_Task statement_
Lines from the top of the entries down to the line with "#185=IFCMATERIAL('Steel A992 Grade" must be set down exactly as they stand, with both ends retained.

*** Opening of Input ***

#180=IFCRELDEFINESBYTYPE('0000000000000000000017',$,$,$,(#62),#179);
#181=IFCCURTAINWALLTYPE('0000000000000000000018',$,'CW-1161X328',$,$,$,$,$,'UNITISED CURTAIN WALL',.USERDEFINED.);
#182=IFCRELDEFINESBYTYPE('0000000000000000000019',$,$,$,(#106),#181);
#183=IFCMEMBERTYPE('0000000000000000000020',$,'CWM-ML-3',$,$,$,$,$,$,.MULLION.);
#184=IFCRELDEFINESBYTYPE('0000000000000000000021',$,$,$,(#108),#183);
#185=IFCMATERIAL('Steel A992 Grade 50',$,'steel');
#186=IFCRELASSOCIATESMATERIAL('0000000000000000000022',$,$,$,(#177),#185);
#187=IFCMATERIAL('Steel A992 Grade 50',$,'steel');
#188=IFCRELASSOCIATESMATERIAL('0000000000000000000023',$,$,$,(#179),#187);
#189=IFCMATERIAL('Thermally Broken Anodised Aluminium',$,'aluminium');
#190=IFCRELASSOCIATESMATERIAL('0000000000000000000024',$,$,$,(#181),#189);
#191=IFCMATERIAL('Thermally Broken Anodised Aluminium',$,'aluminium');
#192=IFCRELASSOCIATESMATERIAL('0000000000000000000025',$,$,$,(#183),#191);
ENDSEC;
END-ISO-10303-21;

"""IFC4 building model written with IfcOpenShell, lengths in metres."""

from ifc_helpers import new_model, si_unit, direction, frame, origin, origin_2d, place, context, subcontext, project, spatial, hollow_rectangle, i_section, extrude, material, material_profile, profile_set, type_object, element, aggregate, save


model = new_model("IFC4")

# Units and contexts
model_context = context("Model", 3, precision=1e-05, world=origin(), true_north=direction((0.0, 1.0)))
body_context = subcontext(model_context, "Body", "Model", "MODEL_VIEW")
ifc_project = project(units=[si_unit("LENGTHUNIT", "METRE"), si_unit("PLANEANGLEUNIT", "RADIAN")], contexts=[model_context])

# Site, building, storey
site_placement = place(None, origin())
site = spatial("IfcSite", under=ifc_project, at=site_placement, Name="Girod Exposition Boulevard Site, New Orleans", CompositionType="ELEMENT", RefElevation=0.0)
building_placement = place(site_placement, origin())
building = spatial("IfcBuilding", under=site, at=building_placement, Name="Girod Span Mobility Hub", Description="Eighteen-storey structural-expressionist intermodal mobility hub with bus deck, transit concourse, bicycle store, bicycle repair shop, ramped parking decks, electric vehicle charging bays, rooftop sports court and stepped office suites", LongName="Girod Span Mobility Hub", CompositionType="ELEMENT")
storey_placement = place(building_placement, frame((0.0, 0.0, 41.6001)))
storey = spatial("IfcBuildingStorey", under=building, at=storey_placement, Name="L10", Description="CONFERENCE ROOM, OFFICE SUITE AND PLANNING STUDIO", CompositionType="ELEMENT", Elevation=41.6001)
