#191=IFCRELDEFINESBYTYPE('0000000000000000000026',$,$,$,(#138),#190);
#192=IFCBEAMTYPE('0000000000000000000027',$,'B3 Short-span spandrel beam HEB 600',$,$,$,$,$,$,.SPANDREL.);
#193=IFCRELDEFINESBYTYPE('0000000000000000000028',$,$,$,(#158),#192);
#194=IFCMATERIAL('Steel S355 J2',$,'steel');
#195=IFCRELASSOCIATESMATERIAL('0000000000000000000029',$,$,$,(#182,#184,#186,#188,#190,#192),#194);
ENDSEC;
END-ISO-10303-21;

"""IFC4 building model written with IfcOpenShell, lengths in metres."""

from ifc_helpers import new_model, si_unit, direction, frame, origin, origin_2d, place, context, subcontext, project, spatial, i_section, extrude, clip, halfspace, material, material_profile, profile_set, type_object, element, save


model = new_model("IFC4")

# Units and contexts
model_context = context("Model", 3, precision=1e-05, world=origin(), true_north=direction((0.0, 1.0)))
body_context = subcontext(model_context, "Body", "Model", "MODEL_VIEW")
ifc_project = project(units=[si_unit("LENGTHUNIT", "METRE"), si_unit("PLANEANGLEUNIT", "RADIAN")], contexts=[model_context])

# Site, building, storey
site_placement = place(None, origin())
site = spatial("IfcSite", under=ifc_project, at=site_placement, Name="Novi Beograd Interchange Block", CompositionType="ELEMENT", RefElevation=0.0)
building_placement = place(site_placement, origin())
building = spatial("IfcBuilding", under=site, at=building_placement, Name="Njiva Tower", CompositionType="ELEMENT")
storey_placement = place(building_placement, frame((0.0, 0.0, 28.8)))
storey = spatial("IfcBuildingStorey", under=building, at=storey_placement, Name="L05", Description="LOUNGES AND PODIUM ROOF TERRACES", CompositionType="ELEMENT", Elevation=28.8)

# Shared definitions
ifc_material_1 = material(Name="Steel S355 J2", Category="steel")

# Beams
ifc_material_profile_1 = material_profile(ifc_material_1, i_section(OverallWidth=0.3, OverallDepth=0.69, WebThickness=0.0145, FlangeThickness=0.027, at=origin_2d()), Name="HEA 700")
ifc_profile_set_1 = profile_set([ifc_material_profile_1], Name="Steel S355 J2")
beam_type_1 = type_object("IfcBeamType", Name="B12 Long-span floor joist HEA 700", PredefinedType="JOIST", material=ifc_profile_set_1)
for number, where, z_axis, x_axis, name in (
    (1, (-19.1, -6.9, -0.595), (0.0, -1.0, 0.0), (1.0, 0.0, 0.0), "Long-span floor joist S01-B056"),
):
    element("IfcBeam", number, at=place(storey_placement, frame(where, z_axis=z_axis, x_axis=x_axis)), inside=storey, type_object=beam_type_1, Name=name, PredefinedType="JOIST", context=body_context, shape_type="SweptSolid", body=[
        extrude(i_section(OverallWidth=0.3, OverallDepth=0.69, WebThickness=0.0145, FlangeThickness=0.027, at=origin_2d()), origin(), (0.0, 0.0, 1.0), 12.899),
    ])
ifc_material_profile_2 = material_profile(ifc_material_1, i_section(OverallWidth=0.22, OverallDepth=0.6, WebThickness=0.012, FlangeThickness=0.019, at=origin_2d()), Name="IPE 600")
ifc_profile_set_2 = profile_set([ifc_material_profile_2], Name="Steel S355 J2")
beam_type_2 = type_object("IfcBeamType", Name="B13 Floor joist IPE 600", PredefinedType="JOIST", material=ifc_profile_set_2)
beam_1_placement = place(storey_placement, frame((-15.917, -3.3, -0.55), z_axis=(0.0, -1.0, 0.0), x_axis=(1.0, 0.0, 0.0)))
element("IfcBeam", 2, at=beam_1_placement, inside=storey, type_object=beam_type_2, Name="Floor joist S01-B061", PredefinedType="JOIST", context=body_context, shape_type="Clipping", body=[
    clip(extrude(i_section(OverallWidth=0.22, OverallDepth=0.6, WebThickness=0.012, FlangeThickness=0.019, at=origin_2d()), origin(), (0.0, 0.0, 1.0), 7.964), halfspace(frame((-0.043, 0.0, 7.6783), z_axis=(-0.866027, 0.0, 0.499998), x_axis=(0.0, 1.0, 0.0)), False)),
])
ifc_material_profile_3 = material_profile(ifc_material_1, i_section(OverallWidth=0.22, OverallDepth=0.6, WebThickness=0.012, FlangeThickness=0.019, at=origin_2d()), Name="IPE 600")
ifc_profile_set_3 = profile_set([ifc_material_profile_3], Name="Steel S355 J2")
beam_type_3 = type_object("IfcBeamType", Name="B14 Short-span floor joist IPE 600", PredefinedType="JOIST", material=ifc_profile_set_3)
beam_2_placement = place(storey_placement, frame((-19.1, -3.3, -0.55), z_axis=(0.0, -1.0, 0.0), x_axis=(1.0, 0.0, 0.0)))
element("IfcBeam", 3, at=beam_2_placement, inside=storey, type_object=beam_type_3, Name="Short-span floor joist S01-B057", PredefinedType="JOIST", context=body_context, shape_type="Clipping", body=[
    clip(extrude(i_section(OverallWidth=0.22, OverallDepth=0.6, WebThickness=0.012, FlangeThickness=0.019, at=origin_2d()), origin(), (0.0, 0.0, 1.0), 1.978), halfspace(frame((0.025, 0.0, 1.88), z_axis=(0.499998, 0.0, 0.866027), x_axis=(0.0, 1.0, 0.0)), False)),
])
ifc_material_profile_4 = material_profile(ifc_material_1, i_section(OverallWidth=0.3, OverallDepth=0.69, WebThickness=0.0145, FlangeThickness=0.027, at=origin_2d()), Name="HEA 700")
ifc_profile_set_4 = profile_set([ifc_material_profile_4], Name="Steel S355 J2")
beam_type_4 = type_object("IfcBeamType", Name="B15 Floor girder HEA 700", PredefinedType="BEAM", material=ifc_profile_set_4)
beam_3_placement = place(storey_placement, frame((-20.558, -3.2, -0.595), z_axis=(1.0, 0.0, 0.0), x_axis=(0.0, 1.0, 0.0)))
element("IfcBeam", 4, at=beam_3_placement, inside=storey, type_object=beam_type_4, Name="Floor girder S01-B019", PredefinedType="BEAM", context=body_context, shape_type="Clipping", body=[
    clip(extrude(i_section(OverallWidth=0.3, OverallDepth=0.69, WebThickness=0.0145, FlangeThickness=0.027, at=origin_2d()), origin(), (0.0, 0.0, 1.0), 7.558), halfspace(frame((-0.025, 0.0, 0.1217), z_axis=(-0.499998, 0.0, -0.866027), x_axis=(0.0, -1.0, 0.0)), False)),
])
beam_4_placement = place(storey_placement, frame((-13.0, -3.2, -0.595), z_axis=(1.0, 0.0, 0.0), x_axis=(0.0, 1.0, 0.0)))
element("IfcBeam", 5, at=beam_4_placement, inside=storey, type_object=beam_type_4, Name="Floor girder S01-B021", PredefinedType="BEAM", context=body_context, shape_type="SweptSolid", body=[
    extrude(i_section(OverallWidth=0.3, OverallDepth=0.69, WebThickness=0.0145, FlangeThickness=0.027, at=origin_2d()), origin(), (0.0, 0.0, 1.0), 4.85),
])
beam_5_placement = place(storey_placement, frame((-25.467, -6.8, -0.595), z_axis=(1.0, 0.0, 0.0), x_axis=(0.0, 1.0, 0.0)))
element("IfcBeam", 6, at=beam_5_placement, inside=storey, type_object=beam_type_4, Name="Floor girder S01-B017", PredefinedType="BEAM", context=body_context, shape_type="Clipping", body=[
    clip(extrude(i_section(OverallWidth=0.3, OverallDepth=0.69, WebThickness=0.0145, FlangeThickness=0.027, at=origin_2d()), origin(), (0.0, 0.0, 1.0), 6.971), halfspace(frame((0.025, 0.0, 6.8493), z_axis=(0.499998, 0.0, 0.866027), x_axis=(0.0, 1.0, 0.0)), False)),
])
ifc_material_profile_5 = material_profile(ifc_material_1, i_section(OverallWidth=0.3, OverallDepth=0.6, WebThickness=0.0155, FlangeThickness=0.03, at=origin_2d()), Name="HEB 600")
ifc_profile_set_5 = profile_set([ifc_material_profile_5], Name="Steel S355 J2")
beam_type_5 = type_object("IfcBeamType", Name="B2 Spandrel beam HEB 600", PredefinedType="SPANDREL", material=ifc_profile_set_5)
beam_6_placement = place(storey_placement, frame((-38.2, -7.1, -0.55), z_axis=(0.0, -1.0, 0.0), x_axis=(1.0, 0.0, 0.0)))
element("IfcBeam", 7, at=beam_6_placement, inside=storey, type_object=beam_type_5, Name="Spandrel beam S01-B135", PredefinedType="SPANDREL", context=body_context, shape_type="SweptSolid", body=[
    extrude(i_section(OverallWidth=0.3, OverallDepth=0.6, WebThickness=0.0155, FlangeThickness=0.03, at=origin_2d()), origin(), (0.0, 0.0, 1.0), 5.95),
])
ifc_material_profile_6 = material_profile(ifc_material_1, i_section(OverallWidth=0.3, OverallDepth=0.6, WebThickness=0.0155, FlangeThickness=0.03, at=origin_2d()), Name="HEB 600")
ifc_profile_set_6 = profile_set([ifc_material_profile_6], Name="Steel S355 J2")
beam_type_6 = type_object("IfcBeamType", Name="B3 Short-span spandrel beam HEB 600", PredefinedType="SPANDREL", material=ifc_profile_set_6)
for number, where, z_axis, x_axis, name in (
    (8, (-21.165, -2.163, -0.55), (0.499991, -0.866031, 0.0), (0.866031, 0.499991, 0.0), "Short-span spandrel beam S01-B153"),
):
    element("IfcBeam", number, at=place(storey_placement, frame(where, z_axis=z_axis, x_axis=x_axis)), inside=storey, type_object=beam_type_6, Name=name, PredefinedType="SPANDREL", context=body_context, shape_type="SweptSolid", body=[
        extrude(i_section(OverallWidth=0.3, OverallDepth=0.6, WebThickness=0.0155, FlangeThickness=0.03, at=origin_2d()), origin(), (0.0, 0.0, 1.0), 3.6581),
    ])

*** Close of Input ***

_Result of the task_
#180=IFCRELDEFINESBYTYPE('0000000000000000000017',$,$,$,(#62),#179);
#181=IFCCURTAINWALLTYPE('0000000000000000000018',$,'CW-1161X328',$,$,$,$,$,'UNITISED CURTAIN WALL',.USERDEFINED.);
#182=IFCRELDEFINESBYTYPE('0000000000000000000019',$,$,$,(#106),#181);
#183=IFCMEMBERTYPE('0000000000000000000020',$,'CWM-ML-3',$,$,$,$,$,$,.MULLION.);
#184=IFCRELDEFINESBYTYPE('0000000000000000000021',$,$,$,(#108),#183);
#185=IFCMATERIAL('Steel A992 Grade 50',$,'steel');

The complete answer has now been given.